[Dataset entries]
::::::

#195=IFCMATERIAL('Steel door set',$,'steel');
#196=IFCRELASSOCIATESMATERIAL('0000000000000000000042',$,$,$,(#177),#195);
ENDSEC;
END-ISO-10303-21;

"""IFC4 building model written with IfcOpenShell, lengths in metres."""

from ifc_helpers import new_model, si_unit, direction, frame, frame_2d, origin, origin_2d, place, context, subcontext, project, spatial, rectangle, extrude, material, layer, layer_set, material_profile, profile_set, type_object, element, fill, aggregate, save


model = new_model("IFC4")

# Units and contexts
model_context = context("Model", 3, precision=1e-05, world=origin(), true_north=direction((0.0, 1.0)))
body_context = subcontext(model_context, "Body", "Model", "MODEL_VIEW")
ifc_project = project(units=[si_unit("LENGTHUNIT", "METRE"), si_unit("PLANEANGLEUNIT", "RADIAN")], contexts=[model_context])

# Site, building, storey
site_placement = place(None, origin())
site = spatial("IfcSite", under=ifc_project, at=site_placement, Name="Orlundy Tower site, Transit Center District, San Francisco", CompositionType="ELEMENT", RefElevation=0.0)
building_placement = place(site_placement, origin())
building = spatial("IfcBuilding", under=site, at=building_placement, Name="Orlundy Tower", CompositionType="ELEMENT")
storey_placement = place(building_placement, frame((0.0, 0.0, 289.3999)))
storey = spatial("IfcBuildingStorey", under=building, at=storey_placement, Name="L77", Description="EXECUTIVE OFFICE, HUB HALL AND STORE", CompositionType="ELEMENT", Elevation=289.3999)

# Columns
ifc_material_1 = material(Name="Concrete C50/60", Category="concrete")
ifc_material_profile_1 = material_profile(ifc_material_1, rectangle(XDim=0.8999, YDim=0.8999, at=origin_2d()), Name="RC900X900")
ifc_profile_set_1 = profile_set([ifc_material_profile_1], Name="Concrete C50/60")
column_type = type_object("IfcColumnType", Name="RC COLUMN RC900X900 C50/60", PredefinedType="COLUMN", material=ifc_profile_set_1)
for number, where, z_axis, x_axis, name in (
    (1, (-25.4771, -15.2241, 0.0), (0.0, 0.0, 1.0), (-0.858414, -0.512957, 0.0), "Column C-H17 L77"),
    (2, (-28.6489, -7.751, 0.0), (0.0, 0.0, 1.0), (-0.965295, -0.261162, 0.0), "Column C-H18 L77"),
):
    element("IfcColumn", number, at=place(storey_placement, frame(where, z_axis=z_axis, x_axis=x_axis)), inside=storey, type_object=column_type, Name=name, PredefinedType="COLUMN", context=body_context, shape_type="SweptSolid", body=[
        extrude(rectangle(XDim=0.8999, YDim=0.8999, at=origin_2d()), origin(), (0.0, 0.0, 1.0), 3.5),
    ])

::::::

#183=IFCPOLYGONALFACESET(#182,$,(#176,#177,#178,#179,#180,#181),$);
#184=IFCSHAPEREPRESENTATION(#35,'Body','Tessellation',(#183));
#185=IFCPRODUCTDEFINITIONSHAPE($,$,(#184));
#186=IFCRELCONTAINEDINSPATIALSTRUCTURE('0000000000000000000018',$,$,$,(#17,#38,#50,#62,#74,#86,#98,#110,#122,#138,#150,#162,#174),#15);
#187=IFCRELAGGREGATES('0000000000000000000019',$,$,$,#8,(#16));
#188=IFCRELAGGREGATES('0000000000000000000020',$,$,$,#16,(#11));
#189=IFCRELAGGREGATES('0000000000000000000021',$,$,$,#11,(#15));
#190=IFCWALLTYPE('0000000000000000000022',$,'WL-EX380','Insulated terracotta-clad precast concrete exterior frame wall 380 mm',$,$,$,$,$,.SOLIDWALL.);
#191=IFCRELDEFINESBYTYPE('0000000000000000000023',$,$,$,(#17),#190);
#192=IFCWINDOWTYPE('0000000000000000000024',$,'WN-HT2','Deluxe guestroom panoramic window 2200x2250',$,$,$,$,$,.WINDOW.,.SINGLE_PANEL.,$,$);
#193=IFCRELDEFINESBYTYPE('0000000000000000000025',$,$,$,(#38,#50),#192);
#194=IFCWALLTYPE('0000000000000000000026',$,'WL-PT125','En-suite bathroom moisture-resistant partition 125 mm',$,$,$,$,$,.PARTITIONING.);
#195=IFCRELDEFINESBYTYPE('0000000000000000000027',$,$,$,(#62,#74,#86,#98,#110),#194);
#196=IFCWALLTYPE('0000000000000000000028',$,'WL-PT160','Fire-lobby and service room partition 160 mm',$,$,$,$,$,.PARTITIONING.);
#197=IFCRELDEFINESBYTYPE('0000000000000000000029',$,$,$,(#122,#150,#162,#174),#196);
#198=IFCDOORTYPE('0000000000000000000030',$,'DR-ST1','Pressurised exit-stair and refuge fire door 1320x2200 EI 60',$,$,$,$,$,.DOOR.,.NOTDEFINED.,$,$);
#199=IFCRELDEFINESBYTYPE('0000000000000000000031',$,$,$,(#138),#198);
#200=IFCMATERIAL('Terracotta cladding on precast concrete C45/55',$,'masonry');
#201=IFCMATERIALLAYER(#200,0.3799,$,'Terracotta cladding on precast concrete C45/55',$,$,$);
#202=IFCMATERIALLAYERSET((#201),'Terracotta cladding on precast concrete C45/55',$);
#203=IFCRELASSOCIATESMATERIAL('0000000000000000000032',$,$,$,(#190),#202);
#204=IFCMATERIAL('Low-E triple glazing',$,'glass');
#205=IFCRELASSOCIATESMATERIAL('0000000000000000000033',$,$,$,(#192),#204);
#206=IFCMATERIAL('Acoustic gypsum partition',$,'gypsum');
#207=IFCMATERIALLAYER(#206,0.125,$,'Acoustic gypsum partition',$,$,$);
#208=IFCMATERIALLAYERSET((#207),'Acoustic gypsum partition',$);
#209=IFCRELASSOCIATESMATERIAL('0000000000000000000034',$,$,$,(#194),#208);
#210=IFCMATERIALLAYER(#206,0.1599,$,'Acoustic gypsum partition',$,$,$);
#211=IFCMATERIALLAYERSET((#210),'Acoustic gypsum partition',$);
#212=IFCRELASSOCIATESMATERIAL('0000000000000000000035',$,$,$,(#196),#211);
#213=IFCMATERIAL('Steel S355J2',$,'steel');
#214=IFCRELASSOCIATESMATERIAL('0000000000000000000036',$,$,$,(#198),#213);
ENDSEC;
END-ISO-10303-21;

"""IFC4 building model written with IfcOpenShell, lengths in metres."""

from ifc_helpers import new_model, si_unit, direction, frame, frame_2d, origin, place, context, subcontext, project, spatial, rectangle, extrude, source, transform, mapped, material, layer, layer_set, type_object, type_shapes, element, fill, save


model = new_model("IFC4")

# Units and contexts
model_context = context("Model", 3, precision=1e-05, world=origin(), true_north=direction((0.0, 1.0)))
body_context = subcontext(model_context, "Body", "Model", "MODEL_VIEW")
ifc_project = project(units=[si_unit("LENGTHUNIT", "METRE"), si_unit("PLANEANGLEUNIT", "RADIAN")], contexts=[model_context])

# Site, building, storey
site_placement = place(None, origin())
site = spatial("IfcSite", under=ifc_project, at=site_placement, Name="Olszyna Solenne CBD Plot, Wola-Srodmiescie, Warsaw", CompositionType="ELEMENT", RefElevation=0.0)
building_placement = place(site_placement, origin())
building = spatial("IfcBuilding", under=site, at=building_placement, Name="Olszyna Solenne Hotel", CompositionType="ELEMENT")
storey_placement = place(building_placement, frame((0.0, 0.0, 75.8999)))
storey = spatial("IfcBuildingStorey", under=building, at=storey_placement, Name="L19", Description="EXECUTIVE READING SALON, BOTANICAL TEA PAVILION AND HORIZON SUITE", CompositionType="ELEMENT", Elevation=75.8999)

::::::

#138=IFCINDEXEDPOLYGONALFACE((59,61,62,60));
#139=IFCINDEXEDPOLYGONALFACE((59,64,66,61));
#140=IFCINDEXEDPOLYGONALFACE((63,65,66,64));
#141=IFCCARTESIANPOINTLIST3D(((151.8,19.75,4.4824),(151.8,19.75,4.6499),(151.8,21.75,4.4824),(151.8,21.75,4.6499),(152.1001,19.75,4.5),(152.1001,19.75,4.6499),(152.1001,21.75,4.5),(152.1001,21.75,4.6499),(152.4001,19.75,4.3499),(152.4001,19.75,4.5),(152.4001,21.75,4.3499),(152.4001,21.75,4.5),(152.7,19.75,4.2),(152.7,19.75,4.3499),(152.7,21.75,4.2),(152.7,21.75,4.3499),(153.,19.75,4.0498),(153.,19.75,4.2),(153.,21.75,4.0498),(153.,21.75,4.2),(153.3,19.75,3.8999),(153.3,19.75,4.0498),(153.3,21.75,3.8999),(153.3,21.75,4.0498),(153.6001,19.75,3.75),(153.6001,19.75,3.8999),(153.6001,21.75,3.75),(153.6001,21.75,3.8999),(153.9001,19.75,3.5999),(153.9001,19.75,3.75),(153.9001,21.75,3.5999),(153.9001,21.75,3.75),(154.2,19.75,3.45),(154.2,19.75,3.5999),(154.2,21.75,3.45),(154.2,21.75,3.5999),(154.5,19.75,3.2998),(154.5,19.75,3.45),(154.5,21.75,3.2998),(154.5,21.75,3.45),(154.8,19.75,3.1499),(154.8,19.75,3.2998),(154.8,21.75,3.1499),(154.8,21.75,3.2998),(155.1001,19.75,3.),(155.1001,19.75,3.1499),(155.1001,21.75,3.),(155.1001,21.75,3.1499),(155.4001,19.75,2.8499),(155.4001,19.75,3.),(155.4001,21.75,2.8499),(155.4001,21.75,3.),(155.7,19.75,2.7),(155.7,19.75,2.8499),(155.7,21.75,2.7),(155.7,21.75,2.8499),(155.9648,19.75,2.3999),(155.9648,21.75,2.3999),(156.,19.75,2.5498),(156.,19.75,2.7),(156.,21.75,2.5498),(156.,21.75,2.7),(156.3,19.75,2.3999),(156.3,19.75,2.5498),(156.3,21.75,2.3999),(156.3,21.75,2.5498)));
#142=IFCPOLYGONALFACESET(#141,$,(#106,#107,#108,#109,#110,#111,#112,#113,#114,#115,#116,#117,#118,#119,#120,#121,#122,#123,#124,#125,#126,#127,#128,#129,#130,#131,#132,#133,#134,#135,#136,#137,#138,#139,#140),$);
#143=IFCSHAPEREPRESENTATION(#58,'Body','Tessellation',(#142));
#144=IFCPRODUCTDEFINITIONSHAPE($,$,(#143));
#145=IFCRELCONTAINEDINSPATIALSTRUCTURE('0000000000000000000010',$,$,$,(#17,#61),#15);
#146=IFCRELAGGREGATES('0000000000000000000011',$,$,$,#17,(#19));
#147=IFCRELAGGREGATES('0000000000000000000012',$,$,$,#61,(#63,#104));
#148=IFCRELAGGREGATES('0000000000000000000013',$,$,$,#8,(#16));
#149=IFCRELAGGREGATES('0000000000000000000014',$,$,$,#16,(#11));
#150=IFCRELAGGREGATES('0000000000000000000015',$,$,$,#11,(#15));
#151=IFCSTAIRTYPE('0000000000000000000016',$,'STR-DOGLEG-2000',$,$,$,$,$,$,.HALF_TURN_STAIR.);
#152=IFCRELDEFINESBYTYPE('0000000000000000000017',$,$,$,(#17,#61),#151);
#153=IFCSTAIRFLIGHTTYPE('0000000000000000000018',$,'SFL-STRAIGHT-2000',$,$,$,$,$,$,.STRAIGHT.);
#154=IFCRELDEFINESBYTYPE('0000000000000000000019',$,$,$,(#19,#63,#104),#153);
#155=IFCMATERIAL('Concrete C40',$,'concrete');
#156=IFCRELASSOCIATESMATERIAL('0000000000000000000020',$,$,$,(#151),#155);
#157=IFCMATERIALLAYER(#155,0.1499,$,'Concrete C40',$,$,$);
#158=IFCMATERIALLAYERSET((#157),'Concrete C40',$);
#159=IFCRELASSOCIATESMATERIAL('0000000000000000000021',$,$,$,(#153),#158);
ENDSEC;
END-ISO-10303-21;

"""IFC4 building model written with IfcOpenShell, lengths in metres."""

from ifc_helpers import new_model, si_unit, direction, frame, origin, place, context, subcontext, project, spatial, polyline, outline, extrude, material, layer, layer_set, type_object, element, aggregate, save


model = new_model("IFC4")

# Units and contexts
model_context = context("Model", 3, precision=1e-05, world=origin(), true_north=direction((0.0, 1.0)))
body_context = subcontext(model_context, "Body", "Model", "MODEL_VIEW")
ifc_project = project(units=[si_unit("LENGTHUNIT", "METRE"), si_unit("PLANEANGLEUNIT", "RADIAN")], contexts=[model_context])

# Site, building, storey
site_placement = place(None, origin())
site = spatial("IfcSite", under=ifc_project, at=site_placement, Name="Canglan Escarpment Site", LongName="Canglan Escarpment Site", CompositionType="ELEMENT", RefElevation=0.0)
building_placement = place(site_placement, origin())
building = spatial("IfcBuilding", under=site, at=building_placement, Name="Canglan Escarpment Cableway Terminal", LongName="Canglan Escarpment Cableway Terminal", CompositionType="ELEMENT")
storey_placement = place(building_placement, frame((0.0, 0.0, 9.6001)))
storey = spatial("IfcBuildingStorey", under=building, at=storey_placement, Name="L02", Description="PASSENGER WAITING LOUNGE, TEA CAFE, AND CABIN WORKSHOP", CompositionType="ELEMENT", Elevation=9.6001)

::::::

▶ _The task_:
Only lines with the word "IFCRELDEFINESBYTYPE" go in the answer. Take them all from the entries above.

▶ _Reply to the task_:
#191=IFCRELDEFINESBYTYPE('0000000000000000000023',$,$,$,(#17),#190);
#193=IFCRELDEFINESBYTYPE('0000000000000000000025',$,$,$,(#38,#50),#192);
#195=IFCRELDEFINESBYTYPE('0000000000000000000027',$,$,$,(#62,#74,#86,#98,#110),#194);
#197=IFCRELDEFINESBYTYPE('0000000000000000000029',$,$,$,(#122,#150,#162,#174),#196);
#199=IFCRELDEFINESBYTYPE('0000000000000000000031',$,$,$,(#138),#198);
#152=IFCRELDEFINESBYTYPE('0000000000000000000017',$,$,$,(#17,#61),#151);
#154=IFCRELDEFINESBYTYPE('0000000000000000000019',$,$,$,(#19,#63,#104),#153);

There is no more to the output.